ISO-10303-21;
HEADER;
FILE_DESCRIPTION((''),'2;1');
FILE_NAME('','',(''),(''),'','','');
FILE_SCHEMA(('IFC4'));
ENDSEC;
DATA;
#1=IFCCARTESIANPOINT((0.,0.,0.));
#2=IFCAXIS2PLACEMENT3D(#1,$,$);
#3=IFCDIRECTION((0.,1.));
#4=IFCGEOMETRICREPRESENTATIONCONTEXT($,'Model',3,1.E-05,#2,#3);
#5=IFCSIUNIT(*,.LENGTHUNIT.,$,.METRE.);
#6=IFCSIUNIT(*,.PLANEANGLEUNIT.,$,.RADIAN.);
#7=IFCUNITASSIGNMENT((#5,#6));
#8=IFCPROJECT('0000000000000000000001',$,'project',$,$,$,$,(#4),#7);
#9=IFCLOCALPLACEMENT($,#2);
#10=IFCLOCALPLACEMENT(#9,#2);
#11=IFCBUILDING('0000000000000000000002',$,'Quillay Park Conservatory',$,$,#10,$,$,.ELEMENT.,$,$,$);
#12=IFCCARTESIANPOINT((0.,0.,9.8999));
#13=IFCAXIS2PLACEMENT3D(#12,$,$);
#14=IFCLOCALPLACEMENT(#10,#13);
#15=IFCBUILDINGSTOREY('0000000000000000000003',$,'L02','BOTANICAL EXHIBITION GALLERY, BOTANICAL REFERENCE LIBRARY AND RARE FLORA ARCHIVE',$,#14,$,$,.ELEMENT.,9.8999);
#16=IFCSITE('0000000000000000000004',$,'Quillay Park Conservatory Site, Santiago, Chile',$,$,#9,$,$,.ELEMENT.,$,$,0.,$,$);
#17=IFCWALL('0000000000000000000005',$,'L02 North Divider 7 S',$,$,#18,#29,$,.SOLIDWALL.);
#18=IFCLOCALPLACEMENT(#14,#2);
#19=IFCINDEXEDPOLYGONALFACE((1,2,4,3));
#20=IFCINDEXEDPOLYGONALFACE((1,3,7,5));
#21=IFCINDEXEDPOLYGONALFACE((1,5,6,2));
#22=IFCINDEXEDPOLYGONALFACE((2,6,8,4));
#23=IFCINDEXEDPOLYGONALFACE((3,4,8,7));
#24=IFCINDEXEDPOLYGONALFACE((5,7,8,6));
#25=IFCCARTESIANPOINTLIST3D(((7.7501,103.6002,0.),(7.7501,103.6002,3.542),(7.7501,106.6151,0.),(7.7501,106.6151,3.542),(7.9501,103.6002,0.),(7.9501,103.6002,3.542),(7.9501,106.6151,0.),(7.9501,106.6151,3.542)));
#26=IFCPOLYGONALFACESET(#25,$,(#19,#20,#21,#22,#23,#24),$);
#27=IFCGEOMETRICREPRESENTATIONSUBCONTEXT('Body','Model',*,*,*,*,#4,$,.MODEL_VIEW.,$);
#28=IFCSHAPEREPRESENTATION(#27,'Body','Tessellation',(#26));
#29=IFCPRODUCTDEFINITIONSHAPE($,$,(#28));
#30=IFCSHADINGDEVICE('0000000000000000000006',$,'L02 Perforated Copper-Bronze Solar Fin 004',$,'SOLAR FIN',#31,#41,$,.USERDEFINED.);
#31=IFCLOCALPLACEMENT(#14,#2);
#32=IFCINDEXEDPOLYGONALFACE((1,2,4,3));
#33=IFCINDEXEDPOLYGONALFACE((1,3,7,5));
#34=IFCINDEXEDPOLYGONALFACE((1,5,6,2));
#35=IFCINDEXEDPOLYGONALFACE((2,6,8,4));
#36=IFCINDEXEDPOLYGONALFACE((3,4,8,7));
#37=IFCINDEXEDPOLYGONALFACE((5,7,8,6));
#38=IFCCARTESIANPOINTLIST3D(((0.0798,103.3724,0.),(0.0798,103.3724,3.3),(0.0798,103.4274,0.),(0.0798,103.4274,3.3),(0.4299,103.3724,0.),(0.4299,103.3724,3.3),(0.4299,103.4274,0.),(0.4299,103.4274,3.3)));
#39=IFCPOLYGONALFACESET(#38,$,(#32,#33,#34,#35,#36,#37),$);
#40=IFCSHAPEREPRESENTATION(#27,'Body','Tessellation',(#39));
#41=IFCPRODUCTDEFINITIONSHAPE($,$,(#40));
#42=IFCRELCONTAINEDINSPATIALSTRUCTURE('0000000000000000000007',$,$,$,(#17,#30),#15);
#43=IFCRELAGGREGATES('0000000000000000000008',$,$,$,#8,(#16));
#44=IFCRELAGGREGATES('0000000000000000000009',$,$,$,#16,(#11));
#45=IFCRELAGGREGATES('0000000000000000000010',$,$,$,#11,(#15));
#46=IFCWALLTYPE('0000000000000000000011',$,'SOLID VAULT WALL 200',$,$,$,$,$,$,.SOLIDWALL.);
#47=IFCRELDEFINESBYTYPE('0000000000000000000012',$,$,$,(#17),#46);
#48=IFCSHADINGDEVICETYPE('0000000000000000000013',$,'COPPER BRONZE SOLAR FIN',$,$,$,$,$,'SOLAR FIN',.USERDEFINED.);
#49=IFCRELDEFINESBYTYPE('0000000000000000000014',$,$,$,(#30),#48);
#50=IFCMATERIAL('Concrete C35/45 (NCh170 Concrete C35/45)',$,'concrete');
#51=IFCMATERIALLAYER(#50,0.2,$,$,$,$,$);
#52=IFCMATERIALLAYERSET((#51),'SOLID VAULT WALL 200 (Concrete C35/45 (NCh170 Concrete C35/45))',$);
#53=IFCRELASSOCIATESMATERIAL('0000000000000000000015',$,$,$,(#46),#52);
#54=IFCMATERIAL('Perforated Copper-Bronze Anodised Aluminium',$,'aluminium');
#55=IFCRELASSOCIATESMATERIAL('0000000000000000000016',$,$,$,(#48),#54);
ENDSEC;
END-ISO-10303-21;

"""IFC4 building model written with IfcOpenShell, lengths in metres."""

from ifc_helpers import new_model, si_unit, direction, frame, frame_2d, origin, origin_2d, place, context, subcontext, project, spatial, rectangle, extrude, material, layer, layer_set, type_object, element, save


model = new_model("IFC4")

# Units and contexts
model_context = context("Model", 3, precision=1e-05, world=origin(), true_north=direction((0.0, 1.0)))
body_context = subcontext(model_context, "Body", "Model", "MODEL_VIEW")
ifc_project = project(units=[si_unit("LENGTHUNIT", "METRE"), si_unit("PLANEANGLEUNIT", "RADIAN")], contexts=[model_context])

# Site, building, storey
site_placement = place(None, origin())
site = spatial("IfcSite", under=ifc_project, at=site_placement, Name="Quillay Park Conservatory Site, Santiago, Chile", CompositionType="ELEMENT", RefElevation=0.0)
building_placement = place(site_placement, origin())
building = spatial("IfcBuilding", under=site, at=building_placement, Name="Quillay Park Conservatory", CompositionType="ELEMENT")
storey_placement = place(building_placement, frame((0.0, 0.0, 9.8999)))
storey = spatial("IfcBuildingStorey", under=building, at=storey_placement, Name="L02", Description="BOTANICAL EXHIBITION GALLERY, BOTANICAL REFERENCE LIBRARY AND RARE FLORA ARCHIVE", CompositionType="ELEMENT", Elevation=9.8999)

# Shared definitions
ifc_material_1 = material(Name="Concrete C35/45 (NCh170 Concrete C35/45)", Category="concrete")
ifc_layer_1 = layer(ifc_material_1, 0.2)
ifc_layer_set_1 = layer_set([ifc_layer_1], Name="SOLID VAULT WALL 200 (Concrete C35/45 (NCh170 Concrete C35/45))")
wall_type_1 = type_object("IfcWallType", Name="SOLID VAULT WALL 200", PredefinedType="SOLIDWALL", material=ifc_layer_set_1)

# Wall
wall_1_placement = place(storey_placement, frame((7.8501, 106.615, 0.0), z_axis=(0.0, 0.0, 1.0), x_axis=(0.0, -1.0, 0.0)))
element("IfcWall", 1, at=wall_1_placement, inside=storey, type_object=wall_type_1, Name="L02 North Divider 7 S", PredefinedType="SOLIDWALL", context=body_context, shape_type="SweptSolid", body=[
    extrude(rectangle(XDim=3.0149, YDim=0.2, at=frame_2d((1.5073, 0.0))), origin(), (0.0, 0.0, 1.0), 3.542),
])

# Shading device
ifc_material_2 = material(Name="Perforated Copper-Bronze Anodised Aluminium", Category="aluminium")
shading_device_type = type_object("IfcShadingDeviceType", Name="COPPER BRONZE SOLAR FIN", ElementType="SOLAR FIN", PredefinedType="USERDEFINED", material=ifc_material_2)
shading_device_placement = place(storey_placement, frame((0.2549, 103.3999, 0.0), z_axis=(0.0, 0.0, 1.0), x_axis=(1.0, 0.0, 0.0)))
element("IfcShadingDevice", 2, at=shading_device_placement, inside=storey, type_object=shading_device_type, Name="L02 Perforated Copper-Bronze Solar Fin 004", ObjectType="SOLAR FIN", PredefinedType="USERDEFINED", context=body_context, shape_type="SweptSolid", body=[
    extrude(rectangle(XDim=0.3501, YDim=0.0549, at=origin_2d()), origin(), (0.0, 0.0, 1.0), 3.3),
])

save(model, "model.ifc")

EXERCISE:
Within the listing above, give again exactly every line from the line with "#21=IFCINDEXEDPOLYGONALFACE((1,5,6,2));" through the line with "#29=IFCPRODUCTDEFINITIONSHAPE($,$,(#28));", both included, and no other line.

YOUR SOLUTION:
#21=IFCINDEXEDPOLYGONALFACE((1,5,6,2));
#22=IFCINDEXEDPOLYGONALFACE((2,6,8,4));
#23=IFCINDEXEDPOLYGONALFACE((3,4,8,7));
#24=IFCINDEXEDPOLYGONALFACE((5,7,8,6));
#25=IFCCARTESIANPOINTLIST3D(((7.7501,103.6002,0.),(7.7501,103.6002,3.542),(7.7501,106.6151,0.),(7.7501,106.6151,3.542),(7.9501,103.6002,0.),(7.9501,103.6002,3.542),(7.9501,106.6151,0.),(7.9501,106.6151,3.542)));
#26=IFCPOLYGONALFACESET(#25,$,(#19,#20,#21,#22,#23,#24),$);
#27=IFCGEOMETRICREPRESENTATIONSUBCONTEXT('Body','Model',*,*,*,*,#4,$,.MODEL_VIEW.,$);
#28=IFCSHAPEREPRESENTATION(#27,'Body','Tessellation',(#26));
#29=IFCPRODUCTDEFINITIONSHAPE($,$,(#28));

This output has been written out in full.